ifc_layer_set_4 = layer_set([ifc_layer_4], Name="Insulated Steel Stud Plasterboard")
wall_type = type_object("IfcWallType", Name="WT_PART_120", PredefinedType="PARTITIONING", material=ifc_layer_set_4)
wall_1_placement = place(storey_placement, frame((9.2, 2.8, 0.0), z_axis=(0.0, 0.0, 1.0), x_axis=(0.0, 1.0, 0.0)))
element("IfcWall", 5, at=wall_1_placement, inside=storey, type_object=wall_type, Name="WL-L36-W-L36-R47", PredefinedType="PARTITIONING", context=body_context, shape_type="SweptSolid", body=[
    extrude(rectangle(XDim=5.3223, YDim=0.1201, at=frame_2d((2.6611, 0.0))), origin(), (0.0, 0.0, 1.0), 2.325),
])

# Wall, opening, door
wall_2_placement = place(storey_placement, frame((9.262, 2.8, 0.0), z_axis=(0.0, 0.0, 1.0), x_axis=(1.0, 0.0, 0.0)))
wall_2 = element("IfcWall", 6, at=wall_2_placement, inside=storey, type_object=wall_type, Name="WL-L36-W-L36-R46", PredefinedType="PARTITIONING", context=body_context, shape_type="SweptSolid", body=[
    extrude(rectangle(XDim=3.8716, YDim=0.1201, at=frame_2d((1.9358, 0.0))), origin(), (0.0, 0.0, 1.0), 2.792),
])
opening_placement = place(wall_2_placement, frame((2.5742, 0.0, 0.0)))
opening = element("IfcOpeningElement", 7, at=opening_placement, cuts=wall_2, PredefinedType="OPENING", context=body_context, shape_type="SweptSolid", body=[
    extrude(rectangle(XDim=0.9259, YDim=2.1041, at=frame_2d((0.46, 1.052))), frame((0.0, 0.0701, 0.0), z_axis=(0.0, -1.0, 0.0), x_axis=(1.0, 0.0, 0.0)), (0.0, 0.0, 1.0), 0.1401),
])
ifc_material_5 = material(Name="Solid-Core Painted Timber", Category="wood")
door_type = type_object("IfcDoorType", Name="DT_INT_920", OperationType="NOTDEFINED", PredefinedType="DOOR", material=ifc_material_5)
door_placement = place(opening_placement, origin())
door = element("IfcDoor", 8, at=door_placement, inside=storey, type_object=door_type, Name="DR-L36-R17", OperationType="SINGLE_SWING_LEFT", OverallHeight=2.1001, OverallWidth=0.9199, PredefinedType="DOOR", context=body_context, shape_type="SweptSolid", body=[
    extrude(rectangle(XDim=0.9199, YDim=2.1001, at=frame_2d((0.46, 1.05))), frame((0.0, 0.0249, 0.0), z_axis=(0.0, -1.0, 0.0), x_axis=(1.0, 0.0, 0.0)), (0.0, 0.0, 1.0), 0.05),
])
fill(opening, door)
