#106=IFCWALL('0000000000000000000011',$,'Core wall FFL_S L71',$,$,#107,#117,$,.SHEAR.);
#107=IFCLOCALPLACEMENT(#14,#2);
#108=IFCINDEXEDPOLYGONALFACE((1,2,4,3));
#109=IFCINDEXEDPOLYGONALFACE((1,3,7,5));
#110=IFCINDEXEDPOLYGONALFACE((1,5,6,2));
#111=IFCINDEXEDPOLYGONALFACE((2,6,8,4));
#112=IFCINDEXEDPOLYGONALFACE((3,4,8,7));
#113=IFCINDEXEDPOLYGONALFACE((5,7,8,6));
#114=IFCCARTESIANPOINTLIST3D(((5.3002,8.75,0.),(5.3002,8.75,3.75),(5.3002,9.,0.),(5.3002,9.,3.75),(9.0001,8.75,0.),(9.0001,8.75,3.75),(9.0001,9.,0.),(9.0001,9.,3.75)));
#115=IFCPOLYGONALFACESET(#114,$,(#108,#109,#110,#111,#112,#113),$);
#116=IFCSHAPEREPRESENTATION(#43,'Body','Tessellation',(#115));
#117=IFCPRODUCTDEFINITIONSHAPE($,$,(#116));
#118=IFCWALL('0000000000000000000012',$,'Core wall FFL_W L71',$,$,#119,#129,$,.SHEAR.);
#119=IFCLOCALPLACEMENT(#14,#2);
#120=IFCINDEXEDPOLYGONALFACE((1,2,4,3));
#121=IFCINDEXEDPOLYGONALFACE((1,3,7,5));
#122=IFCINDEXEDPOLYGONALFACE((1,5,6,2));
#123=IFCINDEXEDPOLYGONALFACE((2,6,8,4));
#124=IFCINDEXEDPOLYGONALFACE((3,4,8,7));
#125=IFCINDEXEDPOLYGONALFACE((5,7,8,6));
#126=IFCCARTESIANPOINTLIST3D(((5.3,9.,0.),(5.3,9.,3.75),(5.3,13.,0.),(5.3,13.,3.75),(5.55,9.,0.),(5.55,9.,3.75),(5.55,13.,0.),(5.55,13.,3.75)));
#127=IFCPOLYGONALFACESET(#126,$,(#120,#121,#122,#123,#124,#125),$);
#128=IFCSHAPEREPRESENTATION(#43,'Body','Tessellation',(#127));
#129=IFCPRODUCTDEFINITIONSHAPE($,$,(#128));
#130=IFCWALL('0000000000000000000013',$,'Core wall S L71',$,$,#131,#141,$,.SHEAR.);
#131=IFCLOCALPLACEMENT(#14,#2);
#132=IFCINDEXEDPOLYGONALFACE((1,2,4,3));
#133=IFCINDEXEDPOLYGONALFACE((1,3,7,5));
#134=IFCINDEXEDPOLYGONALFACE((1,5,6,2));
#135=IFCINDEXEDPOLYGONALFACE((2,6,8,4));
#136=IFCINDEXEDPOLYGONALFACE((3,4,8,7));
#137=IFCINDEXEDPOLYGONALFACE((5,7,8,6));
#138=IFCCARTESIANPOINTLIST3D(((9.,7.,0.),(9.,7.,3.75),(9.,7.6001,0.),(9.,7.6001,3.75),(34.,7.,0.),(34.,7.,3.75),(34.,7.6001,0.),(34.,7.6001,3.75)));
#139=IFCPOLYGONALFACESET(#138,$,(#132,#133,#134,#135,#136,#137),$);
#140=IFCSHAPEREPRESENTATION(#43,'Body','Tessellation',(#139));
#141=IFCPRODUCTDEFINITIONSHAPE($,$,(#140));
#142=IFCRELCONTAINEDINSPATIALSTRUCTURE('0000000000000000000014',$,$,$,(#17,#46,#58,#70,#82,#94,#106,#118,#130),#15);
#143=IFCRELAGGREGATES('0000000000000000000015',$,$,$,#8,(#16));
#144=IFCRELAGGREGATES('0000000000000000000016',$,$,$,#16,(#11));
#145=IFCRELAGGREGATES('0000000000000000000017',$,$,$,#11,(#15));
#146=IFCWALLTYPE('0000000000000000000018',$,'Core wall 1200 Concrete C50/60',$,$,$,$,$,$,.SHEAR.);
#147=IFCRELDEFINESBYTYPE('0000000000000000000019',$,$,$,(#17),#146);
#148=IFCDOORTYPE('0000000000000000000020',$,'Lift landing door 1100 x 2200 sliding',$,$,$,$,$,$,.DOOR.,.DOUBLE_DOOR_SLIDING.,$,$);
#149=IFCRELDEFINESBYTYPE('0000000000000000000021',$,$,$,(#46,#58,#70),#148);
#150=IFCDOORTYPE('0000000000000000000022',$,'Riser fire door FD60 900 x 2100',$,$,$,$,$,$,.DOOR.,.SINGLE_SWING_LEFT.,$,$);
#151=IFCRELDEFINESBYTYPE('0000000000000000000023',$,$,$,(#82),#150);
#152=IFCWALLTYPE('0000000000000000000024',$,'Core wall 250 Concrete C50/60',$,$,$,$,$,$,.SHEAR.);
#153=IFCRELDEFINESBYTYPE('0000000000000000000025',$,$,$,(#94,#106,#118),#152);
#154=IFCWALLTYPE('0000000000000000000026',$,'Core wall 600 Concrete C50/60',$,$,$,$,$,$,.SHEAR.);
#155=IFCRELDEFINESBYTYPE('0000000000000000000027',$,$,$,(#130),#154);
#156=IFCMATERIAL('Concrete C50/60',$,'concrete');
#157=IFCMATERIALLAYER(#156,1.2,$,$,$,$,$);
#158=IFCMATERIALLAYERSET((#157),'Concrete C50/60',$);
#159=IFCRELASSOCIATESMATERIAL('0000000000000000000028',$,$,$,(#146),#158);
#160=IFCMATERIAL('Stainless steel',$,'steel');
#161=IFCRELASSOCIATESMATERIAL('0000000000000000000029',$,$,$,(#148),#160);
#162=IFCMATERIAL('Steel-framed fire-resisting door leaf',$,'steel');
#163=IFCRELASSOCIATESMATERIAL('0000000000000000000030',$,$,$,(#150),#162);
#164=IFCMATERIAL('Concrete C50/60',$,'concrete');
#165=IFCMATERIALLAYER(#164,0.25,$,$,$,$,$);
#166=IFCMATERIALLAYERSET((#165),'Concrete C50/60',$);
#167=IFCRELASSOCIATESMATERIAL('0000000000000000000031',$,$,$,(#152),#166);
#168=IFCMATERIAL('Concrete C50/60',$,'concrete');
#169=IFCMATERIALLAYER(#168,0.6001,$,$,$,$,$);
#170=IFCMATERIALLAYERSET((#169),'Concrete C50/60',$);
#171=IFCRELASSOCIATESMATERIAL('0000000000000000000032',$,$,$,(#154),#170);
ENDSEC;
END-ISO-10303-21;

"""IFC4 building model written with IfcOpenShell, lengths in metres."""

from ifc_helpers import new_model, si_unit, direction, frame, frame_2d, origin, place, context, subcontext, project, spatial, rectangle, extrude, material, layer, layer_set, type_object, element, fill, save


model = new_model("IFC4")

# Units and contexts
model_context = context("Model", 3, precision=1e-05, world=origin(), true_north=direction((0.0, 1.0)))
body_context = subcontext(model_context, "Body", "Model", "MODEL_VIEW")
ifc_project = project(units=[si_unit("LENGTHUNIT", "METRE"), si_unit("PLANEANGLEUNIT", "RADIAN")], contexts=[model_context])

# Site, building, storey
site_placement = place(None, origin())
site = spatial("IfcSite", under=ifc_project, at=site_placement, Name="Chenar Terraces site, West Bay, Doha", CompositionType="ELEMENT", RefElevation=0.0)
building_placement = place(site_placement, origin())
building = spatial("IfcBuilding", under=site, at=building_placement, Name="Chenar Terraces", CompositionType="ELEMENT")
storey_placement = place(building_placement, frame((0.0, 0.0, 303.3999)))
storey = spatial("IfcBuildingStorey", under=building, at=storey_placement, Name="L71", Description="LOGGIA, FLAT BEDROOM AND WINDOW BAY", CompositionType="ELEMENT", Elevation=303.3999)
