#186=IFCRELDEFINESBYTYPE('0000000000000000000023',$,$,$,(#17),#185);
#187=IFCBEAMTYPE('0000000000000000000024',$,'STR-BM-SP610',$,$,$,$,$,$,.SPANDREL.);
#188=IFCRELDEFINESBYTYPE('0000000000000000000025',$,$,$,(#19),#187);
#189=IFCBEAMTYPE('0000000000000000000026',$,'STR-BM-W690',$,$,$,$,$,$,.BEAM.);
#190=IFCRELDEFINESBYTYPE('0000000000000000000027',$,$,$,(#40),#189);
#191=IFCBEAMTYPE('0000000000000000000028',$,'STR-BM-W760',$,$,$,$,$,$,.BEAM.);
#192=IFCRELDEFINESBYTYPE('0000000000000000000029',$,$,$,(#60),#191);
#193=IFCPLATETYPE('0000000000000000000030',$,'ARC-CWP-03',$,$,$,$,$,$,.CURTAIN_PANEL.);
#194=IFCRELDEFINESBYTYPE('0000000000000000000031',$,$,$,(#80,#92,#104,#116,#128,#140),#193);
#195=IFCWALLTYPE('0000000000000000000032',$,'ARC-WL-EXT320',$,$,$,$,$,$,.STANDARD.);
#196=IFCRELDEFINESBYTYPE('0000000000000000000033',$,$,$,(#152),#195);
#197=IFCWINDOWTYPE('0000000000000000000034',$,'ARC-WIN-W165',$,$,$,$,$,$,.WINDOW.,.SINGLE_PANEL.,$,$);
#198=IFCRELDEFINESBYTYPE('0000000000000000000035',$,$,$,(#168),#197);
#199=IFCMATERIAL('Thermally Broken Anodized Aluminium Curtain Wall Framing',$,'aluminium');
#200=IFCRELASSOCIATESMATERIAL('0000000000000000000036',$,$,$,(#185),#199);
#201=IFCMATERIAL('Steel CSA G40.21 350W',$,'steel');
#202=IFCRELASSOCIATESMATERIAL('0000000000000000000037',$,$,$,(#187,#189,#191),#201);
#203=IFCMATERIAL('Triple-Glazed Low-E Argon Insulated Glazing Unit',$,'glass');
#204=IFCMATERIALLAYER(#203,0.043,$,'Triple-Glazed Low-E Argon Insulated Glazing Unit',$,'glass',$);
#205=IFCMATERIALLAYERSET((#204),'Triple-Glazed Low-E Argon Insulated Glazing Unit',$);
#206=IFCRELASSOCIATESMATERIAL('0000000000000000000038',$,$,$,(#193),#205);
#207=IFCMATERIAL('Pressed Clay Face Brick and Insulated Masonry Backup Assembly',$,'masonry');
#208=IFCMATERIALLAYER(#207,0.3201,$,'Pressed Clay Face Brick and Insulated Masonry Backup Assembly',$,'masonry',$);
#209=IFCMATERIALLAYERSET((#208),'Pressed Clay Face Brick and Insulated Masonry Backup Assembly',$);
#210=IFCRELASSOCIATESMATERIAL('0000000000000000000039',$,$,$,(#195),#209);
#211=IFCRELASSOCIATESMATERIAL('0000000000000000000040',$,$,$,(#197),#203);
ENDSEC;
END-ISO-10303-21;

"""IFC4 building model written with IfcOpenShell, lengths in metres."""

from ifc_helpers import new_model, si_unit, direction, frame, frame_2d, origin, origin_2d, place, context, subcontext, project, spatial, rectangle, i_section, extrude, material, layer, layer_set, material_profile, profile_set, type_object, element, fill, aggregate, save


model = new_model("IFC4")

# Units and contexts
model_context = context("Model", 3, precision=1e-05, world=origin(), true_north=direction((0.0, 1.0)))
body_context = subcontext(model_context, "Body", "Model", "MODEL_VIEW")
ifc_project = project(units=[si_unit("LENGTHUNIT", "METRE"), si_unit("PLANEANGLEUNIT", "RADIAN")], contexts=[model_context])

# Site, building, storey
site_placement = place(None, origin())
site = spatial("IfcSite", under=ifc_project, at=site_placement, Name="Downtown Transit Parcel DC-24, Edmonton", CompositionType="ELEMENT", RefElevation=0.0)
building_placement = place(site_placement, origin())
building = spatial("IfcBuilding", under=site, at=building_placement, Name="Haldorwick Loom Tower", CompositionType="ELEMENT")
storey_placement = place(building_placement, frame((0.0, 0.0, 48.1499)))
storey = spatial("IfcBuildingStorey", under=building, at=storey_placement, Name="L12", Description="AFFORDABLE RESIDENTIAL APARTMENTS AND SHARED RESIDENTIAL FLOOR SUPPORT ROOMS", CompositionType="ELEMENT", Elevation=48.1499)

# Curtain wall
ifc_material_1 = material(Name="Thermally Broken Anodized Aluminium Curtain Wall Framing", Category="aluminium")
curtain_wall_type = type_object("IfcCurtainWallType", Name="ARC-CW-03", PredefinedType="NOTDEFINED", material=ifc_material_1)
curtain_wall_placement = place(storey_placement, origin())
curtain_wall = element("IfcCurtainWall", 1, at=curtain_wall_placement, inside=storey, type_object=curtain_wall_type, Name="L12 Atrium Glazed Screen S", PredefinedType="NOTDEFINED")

+---+

▸ **Work to be completed**: Taking the lines above, repeat exactly those from the line that contains "frame((0.0, 0.0, 303.3999)))" through the line that contains "FLAT BEDROOM AND", and both of those lines as well. Include nothing else.

▸ **Written solution**:
storey_placement = place(building_placement, frame((0.0, 0.0, 303.3999)))
storey = spatial("IfcBuildingStorey", under=building, at=storey_placement, Name="L71", Description="LOGGIA, FLAT BEDROOM AND WINDOW BAY", CompositionType="ELEMENT", Elevation=303.3999)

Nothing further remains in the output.